*** Opening Input records ***

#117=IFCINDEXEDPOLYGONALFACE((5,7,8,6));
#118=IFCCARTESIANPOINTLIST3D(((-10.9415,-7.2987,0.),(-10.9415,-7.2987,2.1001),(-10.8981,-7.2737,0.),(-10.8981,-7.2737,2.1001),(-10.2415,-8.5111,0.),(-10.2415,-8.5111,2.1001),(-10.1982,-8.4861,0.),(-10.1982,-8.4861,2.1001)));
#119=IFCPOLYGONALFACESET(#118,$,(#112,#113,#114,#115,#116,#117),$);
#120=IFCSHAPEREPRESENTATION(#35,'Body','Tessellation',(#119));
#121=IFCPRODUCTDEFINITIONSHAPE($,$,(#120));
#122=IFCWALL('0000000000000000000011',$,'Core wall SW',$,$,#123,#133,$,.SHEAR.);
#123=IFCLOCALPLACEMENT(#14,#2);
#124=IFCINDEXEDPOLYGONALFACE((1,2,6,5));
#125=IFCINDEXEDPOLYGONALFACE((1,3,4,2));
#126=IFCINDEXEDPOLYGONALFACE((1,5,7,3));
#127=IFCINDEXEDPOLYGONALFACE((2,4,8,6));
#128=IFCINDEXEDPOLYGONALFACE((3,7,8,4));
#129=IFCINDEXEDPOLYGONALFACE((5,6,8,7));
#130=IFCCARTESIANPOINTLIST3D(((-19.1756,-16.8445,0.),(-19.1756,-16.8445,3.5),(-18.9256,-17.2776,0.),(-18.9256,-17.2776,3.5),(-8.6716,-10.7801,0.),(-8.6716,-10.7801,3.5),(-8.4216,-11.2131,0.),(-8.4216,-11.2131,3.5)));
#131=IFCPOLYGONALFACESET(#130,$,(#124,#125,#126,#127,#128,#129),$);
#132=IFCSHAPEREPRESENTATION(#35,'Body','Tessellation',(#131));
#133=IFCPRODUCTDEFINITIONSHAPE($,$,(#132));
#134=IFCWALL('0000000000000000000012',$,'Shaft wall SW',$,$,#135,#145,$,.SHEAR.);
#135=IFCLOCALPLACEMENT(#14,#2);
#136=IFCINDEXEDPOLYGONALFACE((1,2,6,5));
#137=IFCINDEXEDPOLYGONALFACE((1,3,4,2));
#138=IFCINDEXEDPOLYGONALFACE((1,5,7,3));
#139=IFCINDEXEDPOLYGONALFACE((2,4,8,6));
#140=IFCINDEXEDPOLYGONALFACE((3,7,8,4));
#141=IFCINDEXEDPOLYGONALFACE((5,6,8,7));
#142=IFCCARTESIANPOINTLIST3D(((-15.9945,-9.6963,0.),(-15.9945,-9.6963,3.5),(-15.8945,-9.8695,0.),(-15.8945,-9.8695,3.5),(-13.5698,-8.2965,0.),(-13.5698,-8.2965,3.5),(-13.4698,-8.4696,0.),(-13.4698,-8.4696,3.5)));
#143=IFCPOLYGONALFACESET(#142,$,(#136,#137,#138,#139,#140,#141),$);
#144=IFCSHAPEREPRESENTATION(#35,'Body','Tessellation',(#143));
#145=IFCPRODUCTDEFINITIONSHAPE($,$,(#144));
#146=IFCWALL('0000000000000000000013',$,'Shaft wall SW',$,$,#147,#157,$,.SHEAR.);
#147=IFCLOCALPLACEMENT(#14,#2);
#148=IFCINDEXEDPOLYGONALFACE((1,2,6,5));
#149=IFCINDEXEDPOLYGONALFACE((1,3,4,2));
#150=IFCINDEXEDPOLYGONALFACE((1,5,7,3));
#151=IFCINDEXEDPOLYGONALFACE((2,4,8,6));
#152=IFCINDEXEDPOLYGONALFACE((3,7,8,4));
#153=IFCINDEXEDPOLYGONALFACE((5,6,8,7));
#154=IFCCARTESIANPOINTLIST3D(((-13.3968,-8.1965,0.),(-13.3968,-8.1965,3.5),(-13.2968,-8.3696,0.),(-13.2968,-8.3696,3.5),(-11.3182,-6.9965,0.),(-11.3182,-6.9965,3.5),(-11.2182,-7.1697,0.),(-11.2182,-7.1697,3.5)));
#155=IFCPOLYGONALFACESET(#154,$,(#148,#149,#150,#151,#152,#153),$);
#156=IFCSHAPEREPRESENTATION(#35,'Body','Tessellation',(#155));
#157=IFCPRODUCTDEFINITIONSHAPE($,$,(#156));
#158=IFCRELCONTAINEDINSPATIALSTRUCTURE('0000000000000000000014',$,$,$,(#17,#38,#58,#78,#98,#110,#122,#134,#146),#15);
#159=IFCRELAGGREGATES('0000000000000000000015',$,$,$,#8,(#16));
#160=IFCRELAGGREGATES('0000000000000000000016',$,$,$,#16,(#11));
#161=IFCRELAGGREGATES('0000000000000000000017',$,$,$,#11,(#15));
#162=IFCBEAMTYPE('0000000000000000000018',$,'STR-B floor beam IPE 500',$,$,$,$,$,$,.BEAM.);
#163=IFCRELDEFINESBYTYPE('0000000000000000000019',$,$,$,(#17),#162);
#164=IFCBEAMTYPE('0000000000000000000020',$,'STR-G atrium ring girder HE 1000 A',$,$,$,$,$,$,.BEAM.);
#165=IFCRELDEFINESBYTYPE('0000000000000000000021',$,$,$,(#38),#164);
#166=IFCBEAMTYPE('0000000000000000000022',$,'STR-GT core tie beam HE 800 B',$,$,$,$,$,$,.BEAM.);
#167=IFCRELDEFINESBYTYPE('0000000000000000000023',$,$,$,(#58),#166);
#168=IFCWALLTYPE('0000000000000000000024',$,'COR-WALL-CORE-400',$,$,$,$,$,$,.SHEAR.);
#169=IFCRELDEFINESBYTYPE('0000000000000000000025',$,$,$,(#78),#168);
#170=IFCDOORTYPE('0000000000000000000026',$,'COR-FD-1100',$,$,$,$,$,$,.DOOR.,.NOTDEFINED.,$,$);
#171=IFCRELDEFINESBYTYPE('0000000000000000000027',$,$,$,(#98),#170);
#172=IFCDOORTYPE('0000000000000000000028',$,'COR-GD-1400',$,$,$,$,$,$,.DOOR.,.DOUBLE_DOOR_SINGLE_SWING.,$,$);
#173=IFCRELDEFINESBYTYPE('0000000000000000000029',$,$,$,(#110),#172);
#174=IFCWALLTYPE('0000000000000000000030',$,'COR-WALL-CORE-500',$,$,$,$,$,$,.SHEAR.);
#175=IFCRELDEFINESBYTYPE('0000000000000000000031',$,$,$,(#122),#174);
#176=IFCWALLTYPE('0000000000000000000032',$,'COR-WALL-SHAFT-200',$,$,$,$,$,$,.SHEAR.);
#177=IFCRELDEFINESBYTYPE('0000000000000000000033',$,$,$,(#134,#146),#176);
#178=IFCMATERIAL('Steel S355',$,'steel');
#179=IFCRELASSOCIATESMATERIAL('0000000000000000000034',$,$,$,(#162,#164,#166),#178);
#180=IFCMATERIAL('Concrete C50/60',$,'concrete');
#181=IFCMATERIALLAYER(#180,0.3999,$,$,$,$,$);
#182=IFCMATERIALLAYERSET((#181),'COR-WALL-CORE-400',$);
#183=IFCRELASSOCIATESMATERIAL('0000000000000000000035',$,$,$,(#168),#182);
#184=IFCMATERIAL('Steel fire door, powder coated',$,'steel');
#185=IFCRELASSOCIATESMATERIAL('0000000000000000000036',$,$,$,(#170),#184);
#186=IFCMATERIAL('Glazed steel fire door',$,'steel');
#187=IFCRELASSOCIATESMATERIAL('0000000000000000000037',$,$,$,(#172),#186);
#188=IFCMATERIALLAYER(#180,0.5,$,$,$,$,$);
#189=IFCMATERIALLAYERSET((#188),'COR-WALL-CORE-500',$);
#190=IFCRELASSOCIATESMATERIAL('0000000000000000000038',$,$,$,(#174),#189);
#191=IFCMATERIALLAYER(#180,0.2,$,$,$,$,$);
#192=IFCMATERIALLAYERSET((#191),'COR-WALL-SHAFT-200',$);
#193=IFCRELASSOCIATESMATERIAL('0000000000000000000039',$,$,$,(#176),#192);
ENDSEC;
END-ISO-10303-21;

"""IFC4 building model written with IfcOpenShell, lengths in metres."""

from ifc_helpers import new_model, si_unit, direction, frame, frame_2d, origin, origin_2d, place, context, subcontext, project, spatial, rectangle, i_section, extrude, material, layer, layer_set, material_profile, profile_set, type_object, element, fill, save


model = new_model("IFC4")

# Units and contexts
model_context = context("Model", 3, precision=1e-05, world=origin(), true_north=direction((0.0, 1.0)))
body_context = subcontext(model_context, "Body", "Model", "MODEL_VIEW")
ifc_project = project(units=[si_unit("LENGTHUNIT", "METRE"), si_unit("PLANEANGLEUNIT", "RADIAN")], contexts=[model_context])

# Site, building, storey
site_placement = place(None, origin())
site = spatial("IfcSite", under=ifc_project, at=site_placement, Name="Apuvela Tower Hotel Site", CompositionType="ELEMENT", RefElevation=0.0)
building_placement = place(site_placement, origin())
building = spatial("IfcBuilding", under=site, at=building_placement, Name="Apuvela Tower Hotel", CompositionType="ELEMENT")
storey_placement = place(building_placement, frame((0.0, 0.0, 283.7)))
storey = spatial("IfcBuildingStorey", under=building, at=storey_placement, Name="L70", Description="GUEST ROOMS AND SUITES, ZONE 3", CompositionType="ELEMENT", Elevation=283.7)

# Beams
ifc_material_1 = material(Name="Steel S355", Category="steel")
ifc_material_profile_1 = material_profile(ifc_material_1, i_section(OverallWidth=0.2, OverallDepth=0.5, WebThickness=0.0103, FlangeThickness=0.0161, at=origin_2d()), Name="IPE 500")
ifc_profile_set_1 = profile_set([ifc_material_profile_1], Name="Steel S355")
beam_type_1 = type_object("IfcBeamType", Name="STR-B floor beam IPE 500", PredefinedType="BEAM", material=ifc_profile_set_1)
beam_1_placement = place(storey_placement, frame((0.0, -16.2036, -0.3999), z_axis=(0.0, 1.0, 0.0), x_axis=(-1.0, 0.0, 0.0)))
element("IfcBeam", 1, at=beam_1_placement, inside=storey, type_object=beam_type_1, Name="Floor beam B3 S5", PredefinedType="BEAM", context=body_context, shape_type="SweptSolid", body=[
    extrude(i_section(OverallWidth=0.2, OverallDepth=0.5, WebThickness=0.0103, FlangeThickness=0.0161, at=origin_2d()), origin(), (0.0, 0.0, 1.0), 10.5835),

*** Closing Input records ***

*Assigned task*
Please return exactly the lines from the first line of the material through the one with "#137=IFCINDEXEDPOLYGONALFACE((1,3,4,2));", and no lines after it.

*Task answer*
#117=IFCINDEXEDPOLYGONALFACE((5,7,8,6));
#118=IFCCARTESIANPOINTLIST3D(((-10.9415,-7.2987,0.),(-10.9415,-7.2987,2.1001),(-10.8981,-7.2737,0.),(-10.8981,-7.2737,2.1001),(-10.2415,-8.5111,0.),(-10.2415,-8.5111,2.1001),(-10.1982,-8.4861,0.),(-10.1982,-8.4861,2.1001)));
#119=IFCPOLYGONALFACESET(#118,$,(#112,#113,#114,#115,#116,#117),$);
#120=IFCSHAPEREPRESENTATION(#35,'Body','Tessellation',(#119));
#121=IFCPRODUCTDEFINITIONSHAPE($,$,(#120));
#122=IFCWALL('0000000000000000000011',$,'Core wall SW',$,$,#123,#133,$,.SHEAR.);
#123=IFCLOCALPLACEMENT(#14,#2);
#124=IFCINDEXEDPOLYGONALFACE((1,2,6,5));
#125=IFCINDEXEDPOLYGONALFACE((1,3,4,2));
#126=IFCINDEXEDPOLYGONALFACE((1,5,7,3));
#127=IFCINDEXEDPOLYGONALFACE((2,4,8,6));
#128=IFCINDEXEDPOLYGONALFACE((3,7,8,4));
#129=IFCINDEXEDPOLYGONALFACE((5,6,8,7));
#130=IFCCARTESIANPOINTLIST3D(((-19.1756,-16.8445,0.),(-19.1756,-16.8445,3.5),(-18.9256,-17.2776,0.),(-18.9256,-17.2776,3.5),(-8.6716,-10.7801,0.),(-8.6716,-10.7801,3.5),(-8.4216,-11.2131,0.),(-8.4216,-11.2131,3.5)));
#131=IFCPOLYGONALFACESET(#130,$,(#124,#125,#126,#127,#128,#129),$);
#132=IFCSHAPEREPRESENTATION(#35,'Body','Tessellation',(#131));
#133=IFCPRODUCTDEFINITIONSHAPE($,$,(#132));
#134=IFCWALL('0000000000000000000012',$,'Shaft wall SW',$,$,#135,#145,$,.SHEAR.);
#135=IFCLOCALPLACEMENT(#14,#2);
#136=IFCINDEXEDPOLYGONALFACE((1,2,6,5));
#137=IFCINDEXEDPOLYGONALFACE((1,3,4,2));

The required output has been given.